(Stored items from a collection)
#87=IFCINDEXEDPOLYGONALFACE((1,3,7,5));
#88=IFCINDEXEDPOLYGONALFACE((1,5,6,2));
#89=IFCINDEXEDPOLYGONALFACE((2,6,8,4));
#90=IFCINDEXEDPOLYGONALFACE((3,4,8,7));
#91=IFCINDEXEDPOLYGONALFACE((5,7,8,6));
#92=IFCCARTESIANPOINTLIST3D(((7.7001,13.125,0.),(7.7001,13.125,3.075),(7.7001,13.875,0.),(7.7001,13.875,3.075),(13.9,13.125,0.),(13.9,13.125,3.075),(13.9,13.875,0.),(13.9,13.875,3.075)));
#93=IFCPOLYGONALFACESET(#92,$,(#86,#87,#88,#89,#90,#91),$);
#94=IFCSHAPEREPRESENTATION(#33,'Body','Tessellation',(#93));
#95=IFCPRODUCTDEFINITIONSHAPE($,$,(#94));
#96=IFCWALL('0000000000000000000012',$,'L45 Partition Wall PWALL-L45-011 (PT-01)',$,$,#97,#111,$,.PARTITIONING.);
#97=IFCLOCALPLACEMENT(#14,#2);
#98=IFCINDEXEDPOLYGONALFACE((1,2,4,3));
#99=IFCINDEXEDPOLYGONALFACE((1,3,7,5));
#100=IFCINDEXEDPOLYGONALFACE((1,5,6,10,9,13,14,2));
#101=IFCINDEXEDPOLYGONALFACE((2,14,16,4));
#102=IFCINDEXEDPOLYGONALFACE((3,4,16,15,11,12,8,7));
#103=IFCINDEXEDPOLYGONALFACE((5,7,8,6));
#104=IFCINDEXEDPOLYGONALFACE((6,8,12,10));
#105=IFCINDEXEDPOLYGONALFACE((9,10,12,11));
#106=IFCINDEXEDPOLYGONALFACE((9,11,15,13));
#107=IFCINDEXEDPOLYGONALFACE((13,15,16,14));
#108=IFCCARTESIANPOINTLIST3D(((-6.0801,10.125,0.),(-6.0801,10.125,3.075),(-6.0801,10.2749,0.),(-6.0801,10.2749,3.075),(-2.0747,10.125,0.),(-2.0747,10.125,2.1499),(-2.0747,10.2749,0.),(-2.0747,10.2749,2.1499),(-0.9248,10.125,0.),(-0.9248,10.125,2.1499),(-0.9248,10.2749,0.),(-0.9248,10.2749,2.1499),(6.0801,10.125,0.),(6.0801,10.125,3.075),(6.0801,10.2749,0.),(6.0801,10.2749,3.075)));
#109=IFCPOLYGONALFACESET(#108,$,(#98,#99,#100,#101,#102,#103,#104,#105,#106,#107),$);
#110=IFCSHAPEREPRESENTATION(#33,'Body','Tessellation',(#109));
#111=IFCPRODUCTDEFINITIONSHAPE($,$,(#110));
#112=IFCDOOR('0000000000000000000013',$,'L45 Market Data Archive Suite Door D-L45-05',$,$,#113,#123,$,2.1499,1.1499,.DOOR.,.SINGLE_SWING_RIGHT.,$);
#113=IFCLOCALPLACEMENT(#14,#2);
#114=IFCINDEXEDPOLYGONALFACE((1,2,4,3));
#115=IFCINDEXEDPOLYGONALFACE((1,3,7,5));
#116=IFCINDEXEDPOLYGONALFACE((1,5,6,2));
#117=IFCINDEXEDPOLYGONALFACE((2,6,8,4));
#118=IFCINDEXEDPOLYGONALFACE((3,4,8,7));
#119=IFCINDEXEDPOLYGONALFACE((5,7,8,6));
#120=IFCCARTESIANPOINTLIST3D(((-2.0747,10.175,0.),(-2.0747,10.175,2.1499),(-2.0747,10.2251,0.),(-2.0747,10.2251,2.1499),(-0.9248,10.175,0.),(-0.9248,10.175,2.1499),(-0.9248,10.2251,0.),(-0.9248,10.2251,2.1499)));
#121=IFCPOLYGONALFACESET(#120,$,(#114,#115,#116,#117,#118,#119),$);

--

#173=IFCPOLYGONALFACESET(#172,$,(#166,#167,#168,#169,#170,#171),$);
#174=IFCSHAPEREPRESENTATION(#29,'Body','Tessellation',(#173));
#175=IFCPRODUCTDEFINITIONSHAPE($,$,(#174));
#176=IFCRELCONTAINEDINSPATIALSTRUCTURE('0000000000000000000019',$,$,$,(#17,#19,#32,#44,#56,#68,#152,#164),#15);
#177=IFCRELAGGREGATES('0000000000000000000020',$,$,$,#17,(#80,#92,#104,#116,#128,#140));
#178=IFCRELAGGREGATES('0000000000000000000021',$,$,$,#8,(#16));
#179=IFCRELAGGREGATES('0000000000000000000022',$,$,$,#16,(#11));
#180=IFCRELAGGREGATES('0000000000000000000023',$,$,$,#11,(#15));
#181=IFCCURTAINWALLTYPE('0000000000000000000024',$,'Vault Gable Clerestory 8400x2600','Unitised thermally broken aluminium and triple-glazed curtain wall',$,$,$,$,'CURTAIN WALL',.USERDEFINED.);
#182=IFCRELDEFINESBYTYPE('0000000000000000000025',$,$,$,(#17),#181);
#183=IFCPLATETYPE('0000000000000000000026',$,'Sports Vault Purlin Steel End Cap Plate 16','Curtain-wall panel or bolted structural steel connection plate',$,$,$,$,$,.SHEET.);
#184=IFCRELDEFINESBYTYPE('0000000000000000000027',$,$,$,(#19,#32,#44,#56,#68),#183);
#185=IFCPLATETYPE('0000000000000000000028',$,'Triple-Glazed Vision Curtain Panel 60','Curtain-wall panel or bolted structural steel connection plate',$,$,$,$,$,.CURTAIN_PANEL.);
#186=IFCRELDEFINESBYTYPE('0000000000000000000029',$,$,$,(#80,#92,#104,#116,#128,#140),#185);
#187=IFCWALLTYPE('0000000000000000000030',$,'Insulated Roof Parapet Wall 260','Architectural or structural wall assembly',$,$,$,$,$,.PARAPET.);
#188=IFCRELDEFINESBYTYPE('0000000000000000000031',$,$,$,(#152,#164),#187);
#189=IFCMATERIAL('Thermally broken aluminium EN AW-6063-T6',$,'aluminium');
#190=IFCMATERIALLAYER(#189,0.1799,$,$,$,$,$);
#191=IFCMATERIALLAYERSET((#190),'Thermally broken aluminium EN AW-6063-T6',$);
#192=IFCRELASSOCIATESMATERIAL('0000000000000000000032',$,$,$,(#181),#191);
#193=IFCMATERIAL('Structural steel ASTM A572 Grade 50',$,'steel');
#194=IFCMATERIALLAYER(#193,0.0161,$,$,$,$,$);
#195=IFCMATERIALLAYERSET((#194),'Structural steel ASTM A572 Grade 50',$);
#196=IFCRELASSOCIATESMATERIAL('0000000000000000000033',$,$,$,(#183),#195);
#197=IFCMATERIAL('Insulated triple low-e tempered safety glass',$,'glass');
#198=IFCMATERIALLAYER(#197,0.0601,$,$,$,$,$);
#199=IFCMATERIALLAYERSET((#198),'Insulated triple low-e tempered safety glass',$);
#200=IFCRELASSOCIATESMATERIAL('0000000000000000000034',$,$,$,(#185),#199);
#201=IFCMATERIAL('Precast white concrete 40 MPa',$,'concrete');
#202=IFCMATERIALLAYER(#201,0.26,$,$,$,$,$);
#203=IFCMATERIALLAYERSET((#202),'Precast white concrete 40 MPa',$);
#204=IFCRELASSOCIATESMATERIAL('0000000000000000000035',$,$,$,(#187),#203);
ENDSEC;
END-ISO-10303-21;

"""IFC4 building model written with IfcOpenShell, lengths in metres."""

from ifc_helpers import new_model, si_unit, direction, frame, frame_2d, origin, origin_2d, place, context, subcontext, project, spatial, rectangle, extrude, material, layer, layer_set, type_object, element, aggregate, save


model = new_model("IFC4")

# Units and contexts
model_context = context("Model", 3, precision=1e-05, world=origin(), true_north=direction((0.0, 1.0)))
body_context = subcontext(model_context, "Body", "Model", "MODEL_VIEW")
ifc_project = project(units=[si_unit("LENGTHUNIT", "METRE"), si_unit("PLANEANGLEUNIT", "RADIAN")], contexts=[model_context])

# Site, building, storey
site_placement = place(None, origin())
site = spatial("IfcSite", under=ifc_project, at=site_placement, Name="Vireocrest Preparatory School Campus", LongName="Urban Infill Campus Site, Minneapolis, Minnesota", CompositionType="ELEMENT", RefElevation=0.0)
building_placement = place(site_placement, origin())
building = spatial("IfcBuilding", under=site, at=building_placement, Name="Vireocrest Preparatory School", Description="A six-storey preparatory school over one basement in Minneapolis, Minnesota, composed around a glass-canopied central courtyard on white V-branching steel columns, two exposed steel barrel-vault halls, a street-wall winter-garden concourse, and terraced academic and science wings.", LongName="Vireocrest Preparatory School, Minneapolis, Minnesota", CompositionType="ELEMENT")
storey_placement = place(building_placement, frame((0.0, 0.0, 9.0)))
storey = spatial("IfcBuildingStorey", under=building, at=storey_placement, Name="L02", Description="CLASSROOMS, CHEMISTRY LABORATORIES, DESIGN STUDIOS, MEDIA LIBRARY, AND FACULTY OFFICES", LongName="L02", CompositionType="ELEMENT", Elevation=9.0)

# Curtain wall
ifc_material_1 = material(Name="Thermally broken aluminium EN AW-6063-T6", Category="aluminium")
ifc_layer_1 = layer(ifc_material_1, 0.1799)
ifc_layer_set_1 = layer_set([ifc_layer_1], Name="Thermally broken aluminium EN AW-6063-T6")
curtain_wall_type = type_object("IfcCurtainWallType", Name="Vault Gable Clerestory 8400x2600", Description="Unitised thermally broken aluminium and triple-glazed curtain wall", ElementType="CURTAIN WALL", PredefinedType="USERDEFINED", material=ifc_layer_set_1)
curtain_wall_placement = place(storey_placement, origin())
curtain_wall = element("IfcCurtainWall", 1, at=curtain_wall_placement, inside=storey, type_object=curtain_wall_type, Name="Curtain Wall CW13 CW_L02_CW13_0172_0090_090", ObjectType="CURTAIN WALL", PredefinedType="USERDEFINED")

==

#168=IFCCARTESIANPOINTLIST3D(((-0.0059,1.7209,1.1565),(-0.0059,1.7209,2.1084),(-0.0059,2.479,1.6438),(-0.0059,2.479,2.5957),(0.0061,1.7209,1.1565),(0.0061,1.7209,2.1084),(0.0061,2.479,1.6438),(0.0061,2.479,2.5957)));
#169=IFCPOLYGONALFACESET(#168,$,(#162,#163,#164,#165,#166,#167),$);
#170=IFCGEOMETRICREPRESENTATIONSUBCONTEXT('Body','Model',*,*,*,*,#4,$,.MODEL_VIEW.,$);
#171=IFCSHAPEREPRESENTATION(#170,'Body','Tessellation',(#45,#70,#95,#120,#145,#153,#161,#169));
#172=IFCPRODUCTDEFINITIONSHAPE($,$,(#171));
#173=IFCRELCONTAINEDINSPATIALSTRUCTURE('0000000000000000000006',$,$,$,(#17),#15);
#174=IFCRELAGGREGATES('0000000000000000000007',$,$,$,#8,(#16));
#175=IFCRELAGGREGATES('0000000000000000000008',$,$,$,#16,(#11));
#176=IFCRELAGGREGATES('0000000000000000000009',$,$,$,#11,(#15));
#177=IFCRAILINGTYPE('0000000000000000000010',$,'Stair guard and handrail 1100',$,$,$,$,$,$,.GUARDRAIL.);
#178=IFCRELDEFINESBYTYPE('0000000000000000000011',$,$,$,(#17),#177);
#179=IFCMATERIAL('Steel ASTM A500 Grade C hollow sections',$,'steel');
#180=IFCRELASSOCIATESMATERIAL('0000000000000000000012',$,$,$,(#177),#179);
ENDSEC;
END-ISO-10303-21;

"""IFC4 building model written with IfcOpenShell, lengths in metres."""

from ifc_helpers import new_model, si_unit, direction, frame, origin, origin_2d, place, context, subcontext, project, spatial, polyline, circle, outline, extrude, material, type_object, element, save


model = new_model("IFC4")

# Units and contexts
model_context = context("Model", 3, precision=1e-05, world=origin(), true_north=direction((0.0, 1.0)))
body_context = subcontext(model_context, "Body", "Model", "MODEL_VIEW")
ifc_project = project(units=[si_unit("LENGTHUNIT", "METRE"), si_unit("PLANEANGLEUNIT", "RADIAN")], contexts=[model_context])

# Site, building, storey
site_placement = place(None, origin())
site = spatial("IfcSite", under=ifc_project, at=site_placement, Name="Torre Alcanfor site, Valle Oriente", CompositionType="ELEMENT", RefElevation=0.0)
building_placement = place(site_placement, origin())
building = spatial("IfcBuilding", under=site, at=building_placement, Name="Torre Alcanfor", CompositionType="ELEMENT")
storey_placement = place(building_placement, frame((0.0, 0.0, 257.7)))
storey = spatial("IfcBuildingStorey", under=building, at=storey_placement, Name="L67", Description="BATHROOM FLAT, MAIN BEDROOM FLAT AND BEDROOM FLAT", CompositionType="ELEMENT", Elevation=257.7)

Exercise details.
If a line of the data above holds the string "IFCPRODUCTDEFINITIONSHAPE", count it, then state only the total.

Task result.
4